▸ Collected data:
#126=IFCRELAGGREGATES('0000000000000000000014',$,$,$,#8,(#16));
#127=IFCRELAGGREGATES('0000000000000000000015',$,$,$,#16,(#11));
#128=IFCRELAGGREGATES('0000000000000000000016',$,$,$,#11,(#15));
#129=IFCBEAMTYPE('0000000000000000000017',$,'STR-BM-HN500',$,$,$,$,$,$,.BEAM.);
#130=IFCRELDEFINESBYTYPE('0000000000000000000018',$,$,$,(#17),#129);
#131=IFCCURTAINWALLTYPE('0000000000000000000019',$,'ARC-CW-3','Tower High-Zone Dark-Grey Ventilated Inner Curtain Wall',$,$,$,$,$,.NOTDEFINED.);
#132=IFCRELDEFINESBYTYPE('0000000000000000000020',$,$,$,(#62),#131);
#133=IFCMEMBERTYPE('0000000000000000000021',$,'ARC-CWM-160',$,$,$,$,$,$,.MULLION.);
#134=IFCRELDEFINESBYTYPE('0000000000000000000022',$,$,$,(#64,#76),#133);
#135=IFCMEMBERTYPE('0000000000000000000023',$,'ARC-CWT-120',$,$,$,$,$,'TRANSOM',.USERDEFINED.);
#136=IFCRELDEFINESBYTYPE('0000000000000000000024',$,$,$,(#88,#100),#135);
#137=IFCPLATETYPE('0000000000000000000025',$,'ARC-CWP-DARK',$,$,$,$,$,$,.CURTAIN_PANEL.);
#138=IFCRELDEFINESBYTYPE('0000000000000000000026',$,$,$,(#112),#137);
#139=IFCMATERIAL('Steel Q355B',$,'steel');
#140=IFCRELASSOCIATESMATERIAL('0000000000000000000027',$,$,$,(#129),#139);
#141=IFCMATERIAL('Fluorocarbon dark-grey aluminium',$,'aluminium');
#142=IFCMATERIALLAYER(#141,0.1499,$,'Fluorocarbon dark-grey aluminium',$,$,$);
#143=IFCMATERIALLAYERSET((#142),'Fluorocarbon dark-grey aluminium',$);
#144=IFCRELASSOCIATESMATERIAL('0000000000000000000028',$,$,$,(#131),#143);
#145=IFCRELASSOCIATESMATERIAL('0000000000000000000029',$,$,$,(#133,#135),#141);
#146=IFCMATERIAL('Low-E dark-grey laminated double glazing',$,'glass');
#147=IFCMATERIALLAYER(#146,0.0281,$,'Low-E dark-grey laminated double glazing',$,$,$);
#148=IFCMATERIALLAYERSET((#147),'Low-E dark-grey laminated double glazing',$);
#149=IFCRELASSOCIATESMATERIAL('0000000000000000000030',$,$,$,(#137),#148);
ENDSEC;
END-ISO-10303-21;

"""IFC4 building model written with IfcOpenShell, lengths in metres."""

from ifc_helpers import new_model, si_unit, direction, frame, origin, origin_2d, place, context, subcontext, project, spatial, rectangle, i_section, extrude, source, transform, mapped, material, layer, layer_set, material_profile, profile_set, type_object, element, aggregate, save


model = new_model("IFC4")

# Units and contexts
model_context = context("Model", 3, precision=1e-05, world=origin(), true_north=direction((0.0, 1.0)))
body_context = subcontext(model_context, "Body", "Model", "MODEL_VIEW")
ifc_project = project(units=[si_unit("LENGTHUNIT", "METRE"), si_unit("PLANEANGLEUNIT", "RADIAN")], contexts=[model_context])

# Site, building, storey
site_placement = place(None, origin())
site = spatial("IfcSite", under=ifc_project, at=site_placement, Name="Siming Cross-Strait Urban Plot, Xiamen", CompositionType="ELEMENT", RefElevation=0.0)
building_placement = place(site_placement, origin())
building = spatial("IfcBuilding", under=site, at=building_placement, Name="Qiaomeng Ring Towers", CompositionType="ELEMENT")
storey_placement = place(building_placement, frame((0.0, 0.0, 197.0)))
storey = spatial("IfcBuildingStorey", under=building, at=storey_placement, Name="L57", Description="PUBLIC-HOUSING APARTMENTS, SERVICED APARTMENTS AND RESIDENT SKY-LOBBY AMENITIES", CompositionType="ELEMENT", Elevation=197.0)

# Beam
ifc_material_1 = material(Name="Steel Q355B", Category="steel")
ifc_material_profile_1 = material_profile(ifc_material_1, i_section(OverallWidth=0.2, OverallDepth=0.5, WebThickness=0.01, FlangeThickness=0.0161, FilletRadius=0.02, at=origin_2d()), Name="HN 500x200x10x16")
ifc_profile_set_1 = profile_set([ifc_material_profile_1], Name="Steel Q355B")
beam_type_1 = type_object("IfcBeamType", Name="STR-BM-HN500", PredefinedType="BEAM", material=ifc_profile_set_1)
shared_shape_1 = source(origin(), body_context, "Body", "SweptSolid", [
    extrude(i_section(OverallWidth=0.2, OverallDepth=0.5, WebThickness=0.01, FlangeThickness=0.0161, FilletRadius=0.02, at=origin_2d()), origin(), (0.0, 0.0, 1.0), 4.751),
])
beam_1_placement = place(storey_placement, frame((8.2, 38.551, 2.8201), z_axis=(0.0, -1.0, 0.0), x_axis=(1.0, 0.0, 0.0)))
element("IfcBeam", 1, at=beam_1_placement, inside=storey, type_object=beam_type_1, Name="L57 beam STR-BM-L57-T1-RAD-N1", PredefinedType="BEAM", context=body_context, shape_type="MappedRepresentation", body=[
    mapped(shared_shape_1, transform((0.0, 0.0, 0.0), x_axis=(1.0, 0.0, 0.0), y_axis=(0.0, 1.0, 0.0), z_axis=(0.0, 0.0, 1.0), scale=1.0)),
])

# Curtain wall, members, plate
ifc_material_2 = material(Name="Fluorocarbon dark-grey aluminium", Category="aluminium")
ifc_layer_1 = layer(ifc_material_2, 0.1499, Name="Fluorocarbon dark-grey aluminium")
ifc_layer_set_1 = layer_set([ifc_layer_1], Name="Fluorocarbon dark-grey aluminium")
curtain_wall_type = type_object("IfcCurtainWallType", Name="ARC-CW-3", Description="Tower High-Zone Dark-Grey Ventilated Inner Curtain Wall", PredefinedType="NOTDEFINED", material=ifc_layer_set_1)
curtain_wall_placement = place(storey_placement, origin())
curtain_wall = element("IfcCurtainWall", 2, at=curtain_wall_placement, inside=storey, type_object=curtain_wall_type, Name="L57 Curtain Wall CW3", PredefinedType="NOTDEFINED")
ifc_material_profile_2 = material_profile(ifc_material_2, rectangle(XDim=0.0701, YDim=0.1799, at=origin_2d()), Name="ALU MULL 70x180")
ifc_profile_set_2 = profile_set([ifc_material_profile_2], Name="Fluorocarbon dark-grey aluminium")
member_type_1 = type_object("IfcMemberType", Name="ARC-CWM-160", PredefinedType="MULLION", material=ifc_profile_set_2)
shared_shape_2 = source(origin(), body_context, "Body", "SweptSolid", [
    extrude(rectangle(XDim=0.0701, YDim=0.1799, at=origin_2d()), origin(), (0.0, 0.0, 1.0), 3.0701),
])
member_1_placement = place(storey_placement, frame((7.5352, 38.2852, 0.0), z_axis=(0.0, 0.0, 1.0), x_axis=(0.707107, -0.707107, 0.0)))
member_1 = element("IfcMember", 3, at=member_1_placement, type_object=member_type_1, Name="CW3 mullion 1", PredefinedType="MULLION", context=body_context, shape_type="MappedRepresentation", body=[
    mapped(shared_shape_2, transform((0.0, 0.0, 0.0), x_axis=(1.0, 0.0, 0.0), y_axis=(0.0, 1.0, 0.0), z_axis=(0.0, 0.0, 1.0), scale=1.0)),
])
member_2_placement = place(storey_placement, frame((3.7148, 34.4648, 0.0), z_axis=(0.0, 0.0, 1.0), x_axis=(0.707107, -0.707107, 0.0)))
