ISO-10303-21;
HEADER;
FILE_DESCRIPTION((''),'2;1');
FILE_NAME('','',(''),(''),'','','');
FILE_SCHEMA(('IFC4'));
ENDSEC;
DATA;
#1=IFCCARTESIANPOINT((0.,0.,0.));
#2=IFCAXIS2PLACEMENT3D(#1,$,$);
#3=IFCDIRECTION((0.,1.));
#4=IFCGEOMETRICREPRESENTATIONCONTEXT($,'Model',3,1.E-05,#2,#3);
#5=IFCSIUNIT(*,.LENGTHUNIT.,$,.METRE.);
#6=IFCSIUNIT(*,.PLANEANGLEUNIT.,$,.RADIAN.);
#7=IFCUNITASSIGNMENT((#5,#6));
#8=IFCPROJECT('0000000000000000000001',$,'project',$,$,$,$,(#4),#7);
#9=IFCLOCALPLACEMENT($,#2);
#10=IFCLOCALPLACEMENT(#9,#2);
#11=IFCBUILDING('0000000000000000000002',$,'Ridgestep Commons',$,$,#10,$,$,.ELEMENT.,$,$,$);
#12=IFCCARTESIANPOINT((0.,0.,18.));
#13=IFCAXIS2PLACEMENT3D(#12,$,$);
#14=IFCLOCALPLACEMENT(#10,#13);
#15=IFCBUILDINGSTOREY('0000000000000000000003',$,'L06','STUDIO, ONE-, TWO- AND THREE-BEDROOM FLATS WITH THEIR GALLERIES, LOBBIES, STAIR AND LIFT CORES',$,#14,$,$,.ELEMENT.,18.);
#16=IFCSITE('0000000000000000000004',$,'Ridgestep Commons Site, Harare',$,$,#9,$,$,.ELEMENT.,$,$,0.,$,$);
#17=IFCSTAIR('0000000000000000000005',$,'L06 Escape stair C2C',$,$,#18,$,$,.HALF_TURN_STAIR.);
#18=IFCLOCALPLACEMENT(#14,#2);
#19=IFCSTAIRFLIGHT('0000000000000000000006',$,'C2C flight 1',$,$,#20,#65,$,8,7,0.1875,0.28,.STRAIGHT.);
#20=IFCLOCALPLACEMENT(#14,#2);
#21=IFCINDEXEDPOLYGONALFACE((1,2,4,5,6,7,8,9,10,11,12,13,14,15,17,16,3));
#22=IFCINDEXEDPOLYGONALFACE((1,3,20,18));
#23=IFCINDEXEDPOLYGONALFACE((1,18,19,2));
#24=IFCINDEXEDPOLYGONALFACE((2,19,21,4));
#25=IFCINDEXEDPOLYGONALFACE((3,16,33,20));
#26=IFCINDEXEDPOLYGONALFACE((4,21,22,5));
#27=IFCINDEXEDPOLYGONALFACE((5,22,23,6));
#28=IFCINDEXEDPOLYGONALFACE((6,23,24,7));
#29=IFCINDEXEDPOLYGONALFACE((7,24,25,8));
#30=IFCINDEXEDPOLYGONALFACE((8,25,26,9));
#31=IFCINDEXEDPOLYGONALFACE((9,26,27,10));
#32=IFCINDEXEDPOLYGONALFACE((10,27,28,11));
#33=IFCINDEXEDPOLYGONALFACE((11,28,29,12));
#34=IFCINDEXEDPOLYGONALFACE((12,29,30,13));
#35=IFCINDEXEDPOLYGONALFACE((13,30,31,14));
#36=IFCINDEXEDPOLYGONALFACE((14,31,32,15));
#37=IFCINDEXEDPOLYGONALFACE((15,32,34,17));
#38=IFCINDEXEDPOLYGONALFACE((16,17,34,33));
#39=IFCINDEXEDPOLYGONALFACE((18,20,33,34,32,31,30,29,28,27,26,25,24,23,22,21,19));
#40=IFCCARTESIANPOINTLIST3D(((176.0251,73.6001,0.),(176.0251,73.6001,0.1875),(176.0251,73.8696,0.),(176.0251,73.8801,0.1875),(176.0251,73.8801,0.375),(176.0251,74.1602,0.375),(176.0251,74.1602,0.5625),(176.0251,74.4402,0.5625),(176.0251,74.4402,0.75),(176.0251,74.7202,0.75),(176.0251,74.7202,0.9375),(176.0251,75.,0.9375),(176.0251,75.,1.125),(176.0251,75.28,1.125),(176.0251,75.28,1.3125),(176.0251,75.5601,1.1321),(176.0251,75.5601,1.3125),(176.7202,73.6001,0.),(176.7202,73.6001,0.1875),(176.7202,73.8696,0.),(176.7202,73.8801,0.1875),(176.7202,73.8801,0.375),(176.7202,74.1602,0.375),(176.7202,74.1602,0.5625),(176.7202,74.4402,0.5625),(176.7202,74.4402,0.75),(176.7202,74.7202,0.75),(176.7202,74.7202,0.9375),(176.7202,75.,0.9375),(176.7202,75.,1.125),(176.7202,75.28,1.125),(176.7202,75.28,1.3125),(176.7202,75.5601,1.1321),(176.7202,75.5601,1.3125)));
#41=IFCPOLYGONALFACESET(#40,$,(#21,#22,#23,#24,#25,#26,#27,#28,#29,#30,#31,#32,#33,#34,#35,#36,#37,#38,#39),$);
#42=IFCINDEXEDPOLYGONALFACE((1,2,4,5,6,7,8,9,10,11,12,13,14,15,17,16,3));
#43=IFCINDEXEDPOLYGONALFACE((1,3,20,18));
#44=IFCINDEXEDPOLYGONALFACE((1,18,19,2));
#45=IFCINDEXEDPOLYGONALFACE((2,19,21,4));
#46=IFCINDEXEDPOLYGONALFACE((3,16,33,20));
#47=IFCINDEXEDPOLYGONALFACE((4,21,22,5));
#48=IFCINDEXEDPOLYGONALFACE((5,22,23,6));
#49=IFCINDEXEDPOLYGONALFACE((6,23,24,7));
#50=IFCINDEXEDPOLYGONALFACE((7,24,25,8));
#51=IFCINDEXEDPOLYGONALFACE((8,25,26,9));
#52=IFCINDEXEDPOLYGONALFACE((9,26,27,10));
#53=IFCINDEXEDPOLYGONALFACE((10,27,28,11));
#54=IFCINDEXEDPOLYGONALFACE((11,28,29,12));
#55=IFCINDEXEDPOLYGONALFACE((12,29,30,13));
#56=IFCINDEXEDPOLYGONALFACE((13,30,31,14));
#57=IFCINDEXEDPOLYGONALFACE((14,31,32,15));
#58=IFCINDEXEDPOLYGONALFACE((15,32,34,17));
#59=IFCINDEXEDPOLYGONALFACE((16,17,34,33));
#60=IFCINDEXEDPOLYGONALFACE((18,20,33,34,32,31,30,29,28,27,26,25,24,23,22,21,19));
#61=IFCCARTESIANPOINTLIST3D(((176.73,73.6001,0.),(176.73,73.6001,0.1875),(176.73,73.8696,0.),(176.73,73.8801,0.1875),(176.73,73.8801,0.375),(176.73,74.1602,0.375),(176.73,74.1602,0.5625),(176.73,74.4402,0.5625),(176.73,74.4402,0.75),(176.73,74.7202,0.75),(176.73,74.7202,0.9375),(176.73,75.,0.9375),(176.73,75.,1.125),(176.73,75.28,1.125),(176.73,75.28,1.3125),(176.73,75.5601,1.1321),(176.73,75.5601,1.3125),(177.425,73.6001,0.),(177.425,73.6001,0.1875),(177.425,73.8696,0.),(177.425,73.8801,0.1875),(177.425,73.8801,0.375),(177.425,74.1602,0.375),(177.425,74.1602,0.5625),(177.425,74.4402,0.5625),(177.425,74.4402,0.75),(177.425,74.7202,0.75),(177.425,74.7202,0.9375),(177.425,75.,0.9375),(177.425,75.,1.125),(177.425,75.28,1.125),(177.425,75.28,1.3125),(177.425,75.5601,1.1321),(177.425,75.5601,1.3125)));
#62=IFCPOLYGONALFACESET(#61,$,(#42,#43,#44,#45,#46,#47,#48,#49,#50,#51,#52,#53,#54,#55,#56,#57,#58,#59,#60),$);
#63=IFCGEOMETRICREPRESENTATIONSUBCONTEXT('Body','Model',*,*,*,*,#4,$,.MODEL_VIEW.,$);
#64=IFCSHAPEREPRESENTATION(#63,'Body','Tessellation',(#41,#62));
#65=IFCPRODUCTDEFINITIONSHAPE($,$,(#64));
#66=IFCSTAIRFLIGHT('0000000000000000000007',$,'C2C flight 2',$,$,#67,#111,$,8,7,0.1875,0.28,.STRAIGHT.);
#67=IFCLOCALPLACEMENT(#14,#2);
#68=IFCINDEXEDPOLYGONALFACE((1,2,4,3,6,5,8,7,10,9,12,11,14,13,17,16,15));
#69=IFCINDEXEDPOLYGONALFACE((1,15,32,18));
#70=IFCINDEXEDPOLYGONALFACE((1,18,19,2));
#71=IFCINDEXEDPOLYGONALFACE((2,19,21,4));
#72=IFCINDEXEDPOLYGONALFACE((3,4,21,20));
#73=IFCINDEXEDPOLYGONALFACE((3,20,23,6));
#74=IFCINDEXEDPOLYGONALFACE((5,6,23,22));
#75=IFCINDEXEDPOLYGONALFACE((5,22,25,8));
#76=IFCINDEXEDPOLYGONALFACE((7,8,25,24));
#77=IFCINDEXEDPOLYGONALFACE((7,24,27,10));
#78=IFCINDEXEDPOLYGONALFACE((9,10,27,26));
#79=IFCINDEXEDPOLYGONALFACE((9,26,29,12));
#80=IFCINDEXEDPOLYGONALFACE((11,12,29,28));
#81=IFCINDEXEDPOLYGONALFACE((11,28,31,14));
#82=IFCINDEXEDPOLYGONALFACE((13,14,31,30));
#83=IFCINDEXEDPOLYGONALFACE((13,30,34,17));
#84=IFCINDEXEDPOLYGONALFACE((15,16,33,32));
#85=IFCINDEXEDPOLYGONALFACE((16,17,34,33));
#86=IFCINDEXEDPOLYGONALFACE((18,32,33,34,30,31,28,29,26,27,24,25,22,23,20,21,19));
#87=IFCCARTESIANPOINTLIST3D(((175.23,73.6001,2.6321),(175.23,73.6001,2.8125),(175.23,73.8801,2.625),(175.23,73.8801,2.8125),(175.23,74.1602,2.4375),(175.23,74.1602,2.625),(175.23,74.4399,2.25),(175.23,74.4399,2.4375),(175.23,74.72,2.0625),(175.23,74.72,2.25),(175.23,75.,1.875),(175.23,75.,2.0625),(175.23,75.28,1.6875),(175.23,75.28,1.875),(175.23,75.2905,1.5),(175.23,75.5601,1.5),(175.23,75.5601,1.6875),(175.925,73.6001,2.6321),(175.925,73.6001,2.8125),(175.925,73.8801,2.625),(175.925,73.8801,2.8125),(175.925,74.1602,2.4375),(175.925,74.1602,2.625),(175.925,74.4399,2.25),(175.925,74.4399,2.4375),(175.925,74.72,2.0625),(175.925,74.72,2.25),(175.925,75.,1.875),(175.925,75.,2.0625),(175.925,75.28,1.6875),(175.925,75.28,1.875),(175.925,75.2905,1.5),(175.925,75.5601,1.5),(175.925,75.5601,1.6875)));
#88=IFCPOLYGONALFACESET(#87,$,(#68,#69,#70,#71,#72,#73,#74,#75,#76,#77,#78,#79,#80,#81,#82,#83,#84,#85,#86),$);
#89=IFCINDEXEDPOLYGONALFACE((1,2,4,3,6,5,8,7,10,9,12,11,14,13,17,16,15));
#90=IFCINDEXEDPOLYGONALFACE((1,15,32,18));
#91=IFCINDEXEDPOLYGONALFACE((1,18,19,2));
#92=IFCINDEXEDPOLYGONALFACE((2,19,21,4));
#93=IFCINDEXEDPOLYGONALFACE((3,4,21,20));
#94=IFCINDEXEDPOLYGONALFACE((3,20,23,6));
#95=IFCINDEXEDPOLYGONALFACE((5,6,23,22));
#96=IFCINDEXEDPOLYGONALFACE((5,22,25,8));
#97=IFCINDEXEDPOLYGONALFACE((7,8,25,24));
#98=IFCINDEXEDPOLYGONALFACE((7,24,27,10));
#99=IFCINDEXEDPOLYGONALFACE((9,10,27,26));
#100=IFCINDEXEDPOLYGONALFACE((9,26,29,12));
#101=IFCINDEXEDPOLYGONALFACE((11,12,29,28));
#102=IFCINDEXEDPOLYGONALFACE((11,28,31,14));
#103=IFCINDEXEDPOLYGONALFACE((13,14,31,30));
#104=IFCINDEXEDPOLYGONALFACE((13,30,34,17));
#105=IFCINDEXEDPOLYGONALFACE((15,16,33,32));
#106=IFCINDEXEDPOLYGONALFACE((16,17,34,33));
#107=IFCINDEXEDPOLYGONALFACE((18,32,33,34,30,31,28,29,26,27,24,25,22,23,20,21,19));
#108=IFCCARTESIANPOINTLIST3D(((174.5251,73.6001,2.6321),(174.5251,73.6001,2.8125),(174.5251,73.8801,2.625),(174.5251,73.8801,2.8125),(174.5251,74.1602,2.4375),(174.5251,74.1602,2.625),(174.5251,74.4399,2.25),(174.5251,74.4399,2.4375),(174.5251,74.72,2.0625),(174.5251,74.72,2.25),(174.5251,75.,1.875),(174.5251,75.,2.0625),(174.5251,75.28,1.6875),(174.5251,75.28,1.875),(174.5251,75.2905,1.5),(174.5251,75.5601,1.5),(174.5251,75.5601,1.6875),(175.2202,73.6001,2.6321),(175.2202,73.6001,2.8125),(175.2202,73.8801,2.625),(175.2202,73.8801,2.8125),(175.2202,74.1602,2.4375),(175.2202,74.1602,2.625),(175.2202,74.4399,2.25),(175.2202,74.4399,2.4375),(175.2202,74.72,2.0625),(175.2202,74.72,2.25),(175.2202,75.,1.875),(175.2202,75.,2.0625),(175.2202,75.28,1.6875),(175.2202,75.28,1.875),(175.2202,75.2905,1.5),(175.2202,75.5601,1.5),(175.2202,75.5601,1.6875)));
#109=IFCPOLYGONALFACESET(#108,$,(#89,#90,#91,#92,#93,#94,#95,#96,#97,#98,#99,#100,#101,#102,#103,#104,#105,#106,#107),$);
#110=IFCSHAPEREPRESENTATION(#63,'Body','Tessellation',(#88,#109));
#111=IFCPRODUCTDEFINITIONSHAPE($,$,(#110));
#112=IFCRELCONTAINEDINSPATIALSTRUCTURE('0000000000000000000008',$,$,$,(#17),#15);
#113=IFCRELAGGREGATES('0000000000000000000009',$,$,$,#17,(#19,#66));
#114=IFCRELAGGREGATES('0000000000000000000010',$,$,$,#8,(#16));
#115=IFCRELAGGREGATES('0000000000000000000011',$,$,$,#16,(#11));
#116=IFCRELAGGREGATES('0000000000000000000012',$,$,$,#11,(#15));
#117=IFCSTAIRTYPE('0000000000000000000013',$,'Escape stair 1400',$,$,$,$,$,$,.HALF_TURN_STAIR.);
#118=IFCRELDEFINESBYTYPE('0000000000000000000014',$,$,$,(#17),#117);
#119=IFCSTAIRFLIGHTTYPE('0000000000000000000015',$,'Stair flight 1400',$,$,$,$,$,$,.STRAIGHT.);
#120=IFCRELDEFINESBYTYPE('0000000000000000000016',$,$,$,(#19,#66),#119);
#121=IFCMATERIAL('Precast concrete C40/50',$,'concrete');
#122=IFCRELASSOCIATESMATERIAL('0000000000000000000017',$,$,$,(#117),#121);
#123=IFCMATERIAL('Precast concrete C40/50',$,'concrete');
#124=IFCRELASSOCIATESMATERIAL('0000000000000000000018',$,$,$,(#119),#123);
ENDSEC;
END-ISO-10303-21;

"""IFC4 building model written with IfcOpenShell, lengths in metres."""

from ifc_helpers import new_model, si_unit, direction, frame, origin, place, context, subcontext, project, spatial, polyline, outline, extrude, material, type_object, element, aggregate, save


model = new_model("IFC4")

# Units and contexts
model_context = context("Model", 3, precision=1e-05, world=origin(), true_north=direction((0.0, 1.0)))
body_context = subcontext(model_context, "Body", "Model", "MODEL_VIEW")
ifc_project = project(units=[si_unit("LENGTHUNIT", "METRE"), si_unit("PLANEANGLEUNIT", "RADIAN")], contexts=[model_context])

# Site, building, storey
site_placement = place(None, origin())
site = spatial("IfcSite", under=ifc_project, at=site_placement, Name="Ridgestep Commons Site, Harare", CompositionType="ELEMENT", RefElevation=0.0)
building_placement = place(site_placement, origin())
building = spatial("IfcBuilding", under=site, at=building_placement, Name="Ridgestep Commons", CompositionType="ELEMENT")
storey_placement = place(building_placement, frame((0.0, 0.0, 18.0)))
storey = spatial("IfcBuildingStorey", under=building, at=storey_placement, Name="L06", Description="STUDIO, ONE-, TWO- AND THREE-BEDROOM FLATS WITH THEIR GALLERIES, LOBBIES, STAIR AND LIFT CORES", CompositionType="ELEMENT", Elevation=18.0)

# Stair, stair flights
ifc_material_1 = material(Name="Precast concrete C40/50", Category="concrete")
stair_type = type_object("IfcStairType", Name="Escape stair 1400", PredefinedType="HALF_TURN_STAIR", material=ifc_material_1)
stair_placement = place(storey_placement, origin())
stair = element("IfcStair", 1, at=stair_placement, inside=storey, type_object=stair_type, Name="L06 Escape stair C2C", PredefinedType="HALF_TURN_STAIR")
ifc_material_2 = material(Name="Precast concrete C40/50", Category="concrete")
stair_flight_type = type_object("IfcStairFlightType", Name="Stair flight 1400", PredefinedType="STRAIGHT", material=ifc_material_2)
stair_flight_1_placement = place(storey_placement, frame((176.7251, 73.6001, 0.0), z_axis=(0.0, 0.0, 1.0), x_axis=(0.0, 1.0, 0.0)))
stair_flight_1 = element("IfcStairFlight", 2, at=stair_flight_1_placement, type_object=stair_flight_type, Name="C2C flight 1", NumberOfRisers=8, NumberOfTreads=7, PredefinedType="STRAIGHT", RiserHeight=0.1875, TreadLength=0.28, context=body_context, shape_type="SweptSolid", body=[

▸ Your task: Go over the data and return every line that includes the word "glazing".

▸ Task answer:
#146=IFCMATERIAL('Low-E dark-grey laminated double glazing',$,'glass');
#147=IFCMATERIALLAYER(#146,0.0281,$,'Low-E dark-grey laminated double glazing',$,$,$);
#148=IFCMATERIALLAYERSET((#147),'Low-E dark-grey laminated double glazing',$);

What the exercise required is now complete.